__INSTRUCTIONS TO FOLLOW__: Each line that includes "IFCRELAGGREGATES" must be copied from the records.

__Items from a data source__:
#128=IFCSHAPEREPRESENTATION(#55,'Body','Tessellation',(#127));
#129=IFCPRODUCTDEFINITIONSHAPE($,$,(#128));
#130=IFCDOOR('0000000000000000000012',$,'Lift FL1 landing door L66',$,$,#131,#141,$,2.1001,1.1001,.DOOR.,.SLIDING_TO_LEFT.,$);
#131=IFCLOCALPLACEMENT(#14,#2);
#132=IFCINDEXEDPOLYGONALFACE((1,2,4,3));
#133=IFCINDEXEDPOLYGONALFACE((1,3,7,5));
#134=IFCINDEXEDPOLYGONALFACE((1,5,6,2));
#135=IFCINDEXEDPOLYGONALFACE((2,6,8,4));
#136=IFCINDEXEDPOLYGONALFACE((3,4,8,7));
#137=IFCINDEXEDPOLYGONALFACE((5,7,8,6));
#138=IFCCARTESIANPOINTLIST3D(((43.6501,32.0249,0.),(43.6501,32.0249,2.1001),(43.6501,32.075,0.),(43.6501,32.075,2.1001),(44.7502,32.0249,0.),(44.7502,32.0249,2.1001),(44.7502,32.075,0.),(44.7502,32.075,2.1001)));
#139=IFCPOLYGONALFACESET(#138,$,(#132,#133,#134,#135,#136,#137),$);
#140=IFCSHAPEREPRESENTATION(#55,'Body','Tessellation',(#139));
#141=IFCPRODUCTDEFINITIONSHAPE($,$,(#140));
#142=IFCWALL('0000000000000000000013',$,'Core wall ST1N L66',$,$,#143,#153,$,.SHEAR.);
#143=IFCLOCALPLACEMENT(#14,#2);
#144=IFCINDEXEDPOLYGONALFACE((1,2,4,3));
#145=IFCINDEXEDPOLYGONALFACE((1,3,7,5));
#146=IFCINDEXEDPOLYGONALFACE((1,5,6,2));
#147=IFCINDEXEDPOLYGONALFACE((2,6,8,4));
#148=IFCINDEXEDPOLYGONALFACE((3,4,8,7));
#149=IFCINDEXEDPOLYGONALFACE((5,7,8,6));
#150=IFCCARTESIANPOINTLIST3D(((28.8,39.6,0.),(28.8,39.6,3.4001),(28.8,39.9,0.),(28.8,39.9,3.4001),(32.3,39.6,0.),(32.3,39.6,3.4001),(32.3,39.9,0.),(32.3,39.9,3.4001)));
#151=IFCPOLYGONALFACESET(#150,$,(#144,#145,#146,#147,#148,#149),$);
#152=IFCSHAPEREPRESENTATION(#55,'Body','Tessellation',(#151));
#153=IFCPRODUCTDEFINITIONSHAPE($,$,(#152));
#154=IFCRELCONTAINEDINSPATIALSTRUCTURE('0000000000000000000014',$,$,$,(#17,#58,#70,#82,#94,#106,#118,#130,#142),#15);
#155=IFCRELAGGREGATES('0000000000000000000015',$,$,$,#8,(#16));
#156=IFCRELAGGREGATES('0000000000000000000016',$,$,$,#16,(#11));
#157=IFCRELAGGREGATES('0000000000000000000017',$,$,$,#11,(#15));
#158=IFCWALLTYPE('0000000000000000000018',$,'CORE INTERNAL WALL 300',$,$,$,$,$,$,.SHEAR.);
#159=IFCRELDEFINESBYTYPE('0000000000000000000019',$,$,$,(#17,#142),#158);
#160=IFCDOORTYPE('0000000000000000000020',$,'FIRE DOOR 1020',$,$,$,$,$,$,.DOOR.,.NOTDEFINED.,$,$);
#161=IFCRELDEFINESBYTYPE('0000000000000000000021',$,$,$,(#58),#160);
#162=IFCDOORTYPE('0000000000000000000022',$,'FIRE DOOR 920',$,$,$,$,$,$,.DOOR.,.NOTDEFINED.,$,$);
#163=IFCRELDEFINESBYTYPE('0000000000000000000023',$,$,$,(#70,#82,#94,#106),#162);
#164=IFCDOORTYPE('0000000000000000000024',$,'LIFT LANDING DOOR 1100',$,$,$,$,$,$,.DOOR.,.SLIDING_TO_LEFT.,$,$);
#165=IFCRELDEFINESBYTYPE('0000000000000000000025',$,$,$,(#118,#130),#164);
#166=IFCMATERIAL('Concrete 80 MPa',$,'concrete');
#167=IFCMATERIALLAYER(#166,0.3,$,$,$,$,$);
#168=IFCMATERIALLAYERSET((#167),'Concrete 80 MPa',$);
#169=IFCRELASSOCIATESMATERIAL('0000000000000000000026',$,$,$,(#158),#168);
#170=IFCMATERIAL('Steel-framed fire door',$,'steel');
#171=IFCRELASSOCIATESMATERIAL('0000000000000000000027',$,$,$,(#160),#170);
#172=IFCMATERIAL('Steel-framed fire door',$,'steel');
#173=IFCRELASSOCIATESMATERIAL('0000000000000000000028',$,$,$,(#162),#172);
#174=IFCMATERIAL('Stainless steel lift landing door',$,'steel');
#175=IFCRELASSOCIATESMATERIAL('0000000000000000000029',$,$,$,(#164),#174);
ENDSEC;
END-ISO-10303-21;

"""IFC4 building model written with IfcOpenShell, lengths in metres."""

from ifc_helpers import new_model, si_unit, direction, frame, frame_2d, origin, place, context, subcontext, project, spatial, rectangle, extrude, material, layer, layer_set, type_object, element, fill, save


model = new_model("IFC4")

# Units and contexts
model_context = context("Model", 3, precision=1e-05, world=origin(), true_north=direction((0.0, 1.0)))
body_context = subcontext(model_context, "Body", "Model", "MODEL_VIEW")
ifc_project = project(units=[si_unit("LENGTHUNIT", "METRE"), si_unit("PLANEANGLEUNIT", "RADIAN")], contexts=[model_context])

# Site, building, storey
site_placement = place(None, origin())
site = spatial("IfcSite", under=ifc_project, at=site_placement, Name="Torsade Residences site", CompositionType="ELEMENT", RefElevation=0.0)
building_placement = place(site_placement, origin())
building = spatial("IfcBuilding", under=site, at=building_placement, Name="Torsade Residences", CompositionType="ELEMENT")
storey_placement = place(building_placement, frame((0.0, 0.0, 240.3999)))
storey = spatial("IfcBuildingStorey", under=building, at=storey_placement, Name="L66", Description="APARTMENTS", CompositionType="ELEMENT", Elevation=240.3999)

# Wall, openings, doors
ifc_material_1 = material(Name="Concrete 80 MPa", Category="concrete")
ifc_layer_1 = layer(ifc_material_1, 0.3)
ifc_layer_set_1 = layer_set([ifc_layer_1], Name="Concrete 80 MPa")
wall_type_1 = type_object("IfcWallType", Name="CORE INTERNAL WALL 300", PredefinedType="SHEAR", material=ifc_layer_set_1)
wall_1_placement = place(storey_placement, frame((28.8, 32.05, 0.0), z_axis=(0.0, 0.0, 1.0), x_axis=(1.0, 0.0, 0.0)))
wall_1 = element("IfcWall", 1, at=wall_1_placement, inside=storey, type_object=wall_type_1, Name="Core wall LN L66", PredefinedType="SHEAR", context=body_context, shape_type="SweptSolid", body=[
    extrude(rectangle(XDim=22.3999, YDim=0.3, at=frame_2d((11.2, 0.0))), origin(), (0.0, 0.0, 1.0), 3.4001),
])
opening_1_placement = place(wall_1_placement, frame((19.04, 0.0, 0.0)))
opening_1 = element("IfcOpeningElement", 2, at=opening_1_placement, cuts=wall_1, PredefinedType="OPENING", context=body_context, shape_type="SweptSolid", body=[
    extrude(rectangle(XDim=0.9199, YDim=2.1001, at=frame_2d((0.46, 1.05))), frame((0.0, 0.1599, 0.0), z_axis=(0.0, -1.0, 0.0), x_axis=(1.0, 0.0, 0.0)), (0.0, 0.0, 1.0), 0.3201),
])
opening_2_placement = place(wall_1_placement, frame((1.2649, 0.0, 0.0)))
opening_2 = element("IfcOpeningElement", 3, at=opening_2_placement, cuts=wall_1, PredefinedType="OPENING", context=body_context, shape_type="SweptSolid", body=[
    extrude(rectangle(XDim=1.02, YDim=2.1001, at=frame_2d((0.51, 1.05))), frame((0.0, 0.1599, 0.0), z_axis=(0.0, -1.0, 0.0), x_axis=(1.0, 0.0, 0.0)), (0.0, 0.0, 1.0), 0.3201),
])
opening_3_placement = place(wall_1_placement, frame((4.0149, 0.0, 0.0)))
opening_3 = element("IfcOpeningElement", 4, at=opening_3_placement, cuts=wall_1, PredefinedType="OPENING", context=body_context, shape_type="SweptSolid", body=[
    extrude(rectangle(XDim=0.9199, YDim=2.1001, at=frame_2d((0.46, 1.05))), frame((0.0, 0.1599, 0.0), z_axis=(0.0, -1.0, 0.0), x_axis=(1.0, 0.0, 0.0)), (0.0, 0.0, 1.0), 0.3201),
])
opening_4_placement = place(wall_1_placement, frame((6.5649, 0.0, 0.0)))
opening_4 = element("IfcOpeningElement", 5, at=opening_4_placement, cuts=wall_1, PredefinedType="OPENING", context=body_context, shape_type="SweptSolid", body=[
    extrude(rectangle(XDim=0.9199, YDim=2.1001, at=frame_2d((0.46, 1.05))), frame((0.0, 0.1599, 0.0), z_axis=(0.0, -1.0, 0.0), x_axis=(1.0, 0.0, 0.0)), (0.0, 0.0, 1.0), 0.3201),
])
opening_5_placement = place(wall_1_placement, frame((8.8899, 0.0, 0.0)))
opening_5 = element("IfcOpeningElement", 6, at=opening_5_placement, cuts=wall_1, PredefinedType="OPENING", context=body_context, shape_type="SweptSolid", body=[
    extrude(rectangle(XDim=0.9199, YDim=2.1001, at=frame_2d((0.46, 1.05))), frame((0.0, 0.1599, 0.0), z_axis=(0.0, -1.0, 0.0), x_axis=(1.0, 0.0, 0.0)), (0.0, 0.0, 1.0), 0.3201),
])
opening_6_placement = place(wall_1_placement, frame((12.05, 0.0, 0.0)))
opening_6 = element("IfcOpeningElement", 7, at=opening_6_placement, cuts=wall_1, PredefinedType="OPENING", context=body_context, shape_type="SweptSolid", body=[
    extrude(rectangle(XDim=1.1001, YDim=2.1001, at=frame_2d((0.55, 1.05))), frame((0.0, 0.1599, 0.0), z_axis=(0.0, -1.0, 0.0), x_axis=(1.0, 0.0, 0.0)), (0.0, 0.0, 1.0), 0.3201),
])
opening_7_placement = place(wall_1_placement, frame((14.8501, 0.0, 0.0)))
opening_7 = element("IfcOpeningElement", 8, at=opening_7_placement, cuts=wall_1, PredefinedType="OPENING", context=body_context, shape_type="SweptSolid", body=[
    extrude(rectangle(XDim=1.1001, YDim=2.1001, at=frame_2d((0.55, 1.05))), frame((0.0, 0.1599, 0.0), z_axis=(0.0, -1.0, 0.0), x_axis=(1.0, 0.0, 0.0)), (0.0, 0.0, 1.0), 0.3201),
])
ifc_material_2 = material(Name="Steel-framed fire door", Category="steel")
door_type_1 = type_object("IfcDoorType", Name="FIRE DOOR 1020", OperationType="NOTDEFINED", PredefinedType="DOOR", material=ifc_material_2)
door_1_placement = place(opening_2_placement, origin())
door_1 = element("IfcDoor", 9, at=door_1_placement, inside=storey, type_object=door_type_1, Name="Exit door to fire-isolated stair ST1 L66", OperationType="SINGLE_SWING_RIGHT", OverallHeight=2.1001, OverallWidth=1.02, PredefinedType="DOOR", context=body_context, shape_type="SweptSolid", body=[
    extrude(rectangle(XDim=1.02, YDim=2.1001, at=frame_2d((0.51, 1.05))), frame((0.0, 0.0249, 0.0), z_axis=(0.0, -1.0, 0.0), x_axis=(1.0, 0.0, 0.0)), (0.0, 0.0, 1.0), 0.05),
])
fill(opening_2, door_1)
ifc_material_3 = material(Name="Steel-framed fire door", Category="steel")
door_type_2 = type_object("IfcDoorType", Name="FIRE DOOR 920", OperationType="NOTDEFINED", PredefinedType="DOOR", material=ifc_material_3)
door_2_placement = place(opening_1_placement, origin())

__EXERCISE SOLUTION__:
#155=IFCRELAGGREGATES('0000000000000000000015',$,$,$,#8,(#16));
#156=IFCRELAGGREGATES('0000000000000000000016',$,$,$,#16,(#11));
#157=IFCRELAGGREGATES('0000000000000000000017',$,$,$,#11,(#15));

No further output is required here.